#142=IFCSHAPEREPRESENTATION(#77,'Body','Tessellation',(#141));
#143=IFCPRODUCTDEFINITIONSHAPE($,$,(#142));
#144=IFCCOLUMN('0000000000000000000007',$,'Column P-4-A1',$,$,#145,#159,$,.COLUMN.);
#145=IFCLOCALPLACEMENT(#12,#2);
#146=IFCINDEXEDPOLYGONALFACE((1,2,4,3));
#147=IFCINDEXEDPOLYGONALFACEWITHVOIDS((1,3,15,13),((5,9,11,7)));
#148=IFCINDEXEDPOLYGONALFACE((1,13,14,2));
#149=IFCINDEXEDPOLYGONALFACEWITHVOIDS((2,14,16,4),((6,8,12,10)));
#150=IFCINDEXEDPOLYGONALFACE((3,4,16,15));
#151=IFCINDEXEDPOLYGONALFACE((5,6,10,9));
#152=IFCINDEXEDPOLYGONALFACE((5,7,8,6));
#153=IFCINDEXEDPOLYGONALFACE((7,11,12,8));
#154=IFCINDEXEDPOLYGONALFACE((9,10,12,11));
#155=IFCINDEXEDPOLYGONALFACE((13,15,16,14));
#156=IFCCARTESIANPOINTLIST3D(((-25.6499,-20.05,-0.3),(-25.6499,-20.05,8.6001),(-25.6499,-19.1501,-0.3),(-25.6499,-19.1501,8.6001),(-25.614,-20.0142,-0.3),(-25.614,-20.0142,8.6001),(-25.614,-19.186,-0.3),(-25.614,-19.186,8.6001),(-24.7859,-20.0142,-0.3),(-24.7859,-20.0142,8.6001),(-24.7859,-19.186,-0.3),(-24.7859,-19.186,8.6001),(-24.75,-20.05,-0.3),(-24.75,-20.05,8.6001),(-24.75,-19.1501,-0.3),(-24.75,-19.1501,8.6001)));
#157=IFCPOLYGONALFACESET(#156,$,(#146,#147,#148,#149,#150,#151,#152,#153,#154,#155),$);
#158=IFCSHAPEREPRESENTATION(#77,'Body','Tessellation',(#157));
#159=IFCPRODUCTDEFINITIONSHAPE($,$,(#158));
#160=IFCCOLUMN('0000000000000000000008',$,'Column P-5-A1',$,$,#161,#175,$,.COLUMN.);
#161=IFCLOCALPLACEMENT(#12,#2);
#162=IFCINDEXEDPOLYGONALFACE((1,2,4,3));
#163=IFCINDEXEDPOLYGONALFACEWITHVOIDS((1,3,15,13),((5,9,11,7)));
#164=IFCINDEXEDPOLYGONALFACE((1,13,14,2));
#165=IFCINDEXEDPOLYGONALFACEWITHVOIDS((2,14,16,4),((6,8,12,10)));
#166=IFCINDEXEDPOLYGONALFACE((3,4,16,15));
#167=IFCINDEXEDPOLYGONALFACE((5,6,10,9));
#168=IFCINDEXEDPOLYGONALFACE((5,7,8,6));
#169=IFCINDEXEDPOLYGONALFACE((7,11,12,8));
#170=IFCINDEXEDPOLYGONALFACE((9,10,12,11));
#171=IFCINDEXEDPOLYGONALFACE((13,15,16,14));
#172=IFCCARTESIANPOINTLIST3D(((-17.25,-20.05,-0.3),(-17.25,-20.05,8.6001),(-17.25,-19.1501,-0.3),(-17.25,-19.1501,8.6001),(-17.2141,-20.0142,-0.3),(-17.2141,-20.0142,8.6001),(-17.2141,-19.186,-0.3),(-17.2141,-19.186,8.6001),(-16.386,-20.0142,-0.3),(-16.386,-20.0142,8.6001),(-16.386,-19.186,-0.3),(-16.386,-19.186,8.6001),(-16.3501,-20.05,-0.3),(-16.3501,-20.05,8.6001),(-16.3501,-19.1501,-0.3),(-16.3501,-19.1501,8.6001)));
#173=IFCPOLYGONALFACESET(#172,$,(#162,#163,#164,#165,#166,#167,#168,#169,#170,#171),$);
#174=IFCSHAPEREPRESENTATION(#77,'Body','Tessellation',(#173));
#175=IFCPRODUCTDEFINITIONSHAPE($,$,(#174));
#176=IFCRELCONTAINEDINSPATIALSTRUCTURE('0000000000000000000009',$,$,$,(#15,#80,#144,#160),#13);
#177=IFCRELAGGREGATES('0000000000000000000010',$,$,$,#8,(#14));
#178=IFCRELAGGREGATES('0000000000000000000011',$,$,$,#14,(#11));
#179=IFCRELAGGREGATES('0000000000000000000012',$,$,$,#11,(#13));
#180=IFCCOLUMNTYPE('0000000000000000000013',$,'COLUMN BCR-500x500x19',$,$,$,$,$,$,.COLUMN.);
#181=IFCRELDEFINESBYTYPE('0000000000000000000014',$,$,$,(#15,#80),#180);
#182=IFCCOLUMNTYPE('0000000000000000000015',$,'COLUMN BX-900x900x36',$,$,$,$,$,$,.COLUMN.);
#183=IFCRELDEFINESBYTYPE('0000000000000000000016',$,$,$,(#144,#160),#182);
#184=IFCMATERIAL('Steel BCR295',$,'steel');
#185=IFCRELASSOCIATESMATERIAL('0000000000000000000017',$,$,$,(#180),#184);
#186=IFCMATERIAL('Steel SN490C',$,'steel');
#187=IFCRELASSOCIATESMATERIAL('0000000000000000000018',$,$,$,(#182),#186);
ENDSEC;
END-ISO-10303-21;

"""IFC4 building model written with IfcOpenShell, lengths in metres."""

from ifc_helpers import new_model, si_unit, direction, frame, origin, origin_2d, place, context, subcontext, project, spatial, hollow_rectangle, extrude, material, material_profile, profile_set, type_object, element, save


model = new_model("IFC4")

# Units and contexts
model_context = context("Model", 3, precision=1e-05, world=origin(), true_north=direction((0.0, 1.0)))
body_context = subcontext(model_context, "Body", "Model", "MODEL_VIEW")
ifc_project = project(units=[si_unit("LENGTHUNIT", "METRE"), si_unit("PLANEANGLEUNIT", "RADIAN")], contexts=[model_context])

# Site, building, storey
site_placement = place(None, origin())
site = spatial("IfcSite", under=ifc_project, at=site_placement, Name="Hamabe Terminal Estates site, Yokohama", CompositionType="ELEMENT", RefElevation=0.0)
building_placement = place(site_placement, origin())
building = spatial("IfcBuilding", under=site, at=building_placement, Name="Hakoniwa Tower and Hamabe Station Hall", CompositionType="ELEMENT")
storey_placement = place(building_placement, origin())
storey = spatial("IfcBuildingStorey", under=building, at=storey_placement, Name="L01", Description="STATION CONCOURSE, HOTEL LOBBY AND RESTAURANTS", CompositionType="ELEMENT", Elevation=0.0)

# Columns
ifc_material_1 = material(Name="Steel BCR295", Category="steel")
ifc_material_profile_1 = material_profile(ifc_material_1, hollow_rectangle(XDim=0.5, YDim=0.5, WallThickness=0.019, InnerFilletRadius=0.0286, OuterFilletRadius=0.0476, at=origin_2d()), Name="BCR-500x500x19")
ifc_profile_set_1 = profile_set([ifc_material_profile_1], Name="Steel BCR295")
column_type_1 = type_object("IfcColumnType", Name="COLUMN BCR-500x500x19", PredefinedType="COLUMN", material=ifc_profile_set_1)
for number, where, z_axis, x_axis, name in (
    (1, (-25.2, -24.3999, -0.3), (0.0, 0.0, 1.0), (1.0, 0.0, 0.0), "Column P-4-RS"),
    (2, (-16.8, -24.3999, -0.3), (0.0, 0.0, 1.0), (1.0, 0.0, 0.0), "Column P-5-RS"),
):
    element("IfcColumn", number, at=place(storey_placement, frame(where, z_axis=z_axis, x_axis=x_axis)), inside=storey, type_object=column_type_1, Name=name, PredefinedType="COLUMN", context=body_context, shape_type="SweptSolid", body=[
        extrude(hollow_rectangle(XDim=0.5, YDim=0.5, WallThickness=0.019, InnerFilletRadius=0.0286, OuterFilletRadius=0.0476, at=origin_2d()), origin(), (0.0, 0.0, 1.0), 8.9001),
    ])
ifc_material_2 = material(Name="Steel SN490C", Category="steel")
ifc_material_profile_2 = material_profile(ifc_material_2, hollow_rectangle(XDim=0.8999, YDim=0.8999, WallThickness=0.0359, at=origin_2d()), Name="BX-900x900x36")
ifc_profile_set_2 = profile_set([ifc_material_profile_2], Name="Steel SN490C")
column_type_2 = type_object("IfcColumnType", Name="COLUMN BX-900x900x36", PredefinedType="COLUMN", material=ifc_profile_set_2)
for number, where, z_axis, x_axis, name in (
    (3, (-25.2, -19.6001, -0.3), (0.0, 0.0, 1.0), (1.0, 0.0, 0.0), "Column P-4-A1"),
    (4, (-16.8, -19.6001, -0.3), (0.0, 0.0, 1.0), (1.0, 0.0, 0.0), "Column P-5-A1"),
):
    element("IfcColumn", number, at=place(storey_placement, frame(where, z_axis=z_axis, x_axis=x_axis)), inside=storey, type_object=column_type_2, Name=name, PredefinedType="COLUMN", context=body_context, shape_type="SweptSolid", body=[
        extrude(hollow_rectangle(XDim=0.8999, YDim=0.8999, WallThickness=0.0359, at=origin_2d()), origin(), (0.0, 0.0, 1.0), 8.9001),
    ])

━━━━━━━━━━━━━━━━━━━━

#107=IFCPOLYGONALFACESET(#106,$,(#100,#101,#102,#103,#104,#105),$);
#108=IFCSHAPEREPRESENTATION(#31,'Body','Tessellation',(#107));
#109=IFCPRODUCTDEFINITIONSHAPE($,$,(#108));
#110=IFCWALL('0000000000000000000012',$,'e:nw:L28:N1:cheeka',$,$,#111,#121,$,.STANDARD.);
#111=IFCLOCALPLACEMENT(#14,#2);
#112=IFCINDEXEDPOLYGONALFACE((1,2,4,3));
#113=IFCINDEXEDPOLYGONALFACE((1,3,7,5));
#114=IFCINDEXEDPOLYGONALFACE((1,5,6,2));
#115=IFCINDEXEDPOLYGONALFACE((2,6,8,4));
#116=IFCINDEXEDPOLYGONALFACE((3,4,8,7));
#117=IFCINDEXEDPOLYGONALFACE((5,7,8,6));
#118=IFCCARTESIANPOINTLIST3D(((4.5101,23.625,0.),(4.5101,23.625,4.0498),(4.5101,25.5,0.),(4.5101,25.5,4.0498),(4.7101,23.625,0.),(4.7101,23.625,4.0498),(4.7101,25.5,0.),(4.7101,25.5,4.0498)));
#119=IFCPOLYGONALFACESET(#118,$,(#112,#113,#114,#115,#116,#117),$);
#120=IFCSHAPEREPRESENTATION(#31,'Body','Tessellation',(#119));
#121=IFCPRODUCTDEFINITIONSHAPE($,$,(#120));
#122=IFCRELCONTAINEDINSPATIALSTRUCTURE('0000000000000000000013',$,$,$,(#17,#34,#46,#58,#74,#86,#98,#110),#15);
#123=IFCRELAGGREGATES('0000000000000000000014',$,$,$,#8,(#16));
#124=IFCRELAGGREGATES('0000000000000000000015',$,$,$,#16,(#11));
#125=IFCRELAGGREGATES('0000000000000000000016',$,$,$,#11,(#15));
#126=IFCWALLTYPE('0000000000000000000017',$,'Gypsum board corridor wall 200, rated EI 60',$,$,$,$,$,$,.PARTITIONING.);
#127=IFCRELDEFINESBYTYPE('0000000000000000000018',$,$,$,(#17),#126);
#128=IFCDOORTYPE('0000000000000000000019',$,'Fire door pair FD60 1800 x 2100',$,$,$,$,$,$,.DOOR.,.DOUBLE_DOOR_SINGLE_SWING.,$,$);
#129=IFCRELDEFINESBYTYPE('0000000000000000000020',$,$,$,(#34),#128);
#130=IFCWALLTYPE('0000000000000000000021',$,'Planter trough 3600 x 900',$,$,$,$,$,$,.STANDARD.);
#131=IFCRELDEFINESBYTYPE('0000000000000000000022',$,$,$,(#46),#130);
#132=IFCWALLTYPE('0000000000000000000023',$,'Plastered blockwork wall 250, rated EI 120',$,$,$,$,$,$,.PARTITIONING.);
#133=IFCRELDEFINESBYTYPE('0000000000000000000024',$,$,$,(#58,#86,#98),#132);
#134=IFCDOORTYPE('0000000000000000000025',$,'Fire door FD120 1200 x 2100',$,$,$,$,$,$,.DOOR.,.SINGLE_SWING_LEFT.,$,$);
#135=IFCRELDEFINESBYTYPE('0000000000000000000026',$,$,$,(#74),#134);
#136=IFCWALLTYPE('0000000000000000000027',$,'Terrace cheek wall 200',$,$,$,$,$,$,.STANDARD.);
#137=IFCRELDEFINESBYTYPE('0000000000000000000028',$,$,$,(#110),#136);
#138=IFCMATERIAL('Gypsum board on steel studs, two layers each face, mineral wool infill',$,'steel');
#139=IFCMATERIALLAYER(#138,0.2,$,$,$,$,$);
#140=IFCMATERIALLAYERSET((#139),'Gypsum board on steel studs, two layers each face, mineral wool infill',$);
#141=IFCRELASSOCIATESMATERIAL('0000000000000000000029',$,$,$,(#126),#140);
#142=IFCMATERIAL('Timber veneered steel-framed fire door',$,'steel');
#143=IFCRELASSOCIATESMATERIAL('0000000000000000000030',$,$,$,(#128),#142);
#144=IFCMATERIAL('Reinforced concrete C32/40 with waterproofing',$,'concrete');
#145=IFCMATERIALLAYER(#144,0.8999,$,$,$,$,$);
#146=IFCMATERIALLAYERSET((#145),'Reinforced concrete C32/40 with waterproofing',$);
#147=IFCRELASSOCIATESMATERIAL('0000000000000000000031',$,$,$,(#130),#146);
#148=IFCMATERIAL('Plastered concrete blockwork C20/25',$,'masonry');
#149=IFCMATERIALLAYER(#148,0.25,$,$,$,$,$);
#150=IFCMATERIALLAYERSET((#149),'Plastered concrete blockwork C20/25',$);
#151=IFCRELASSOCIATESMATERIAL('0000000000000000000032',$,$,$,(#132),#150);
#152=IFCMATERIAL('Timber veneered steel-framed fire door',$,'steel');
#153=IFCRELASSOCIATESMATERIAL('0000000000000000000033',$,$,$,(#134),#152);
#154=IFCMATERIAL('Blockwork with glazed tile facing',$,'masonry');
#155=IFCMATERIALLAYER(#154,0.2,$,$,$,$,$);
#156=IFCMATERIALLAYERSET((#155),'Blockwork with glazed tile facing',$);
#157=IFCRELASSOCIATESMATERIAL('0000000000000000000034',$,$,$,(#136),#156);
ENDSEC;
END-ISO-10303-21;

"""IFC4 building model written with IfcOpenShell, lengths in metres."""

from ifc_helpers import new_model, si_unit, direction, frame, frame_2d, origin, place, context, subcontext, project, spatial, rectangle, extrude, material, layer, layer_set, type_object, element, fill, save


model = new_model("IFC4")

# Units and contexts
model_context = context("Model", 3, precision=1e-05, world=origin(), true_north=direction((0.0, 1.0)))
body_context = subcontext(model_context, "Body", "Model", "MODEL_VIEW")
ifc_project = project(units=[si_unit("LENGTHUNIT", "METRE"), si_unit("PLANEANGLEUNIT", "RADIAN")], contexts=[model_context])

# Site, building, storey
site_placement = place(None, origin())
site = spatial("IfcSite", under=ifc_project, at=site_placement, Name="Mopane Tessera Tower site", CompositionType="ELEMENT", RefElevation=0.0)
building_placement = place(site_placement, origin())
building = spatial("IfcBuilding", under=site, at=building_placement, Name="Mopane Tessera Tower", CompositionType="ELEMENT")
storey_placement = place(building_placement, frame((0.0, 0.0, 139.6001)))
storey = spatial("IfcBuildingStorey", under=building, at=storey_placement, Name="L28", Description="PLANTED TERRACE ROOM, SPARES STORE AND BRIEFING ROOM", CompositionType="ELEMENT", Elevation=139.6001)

━━━━━━━━━━━━━━━━━━━━

Problem details: Counting only lines that hold "concrete", state how many appear in the records, and give nothing but the number.

Response to the exercise: 4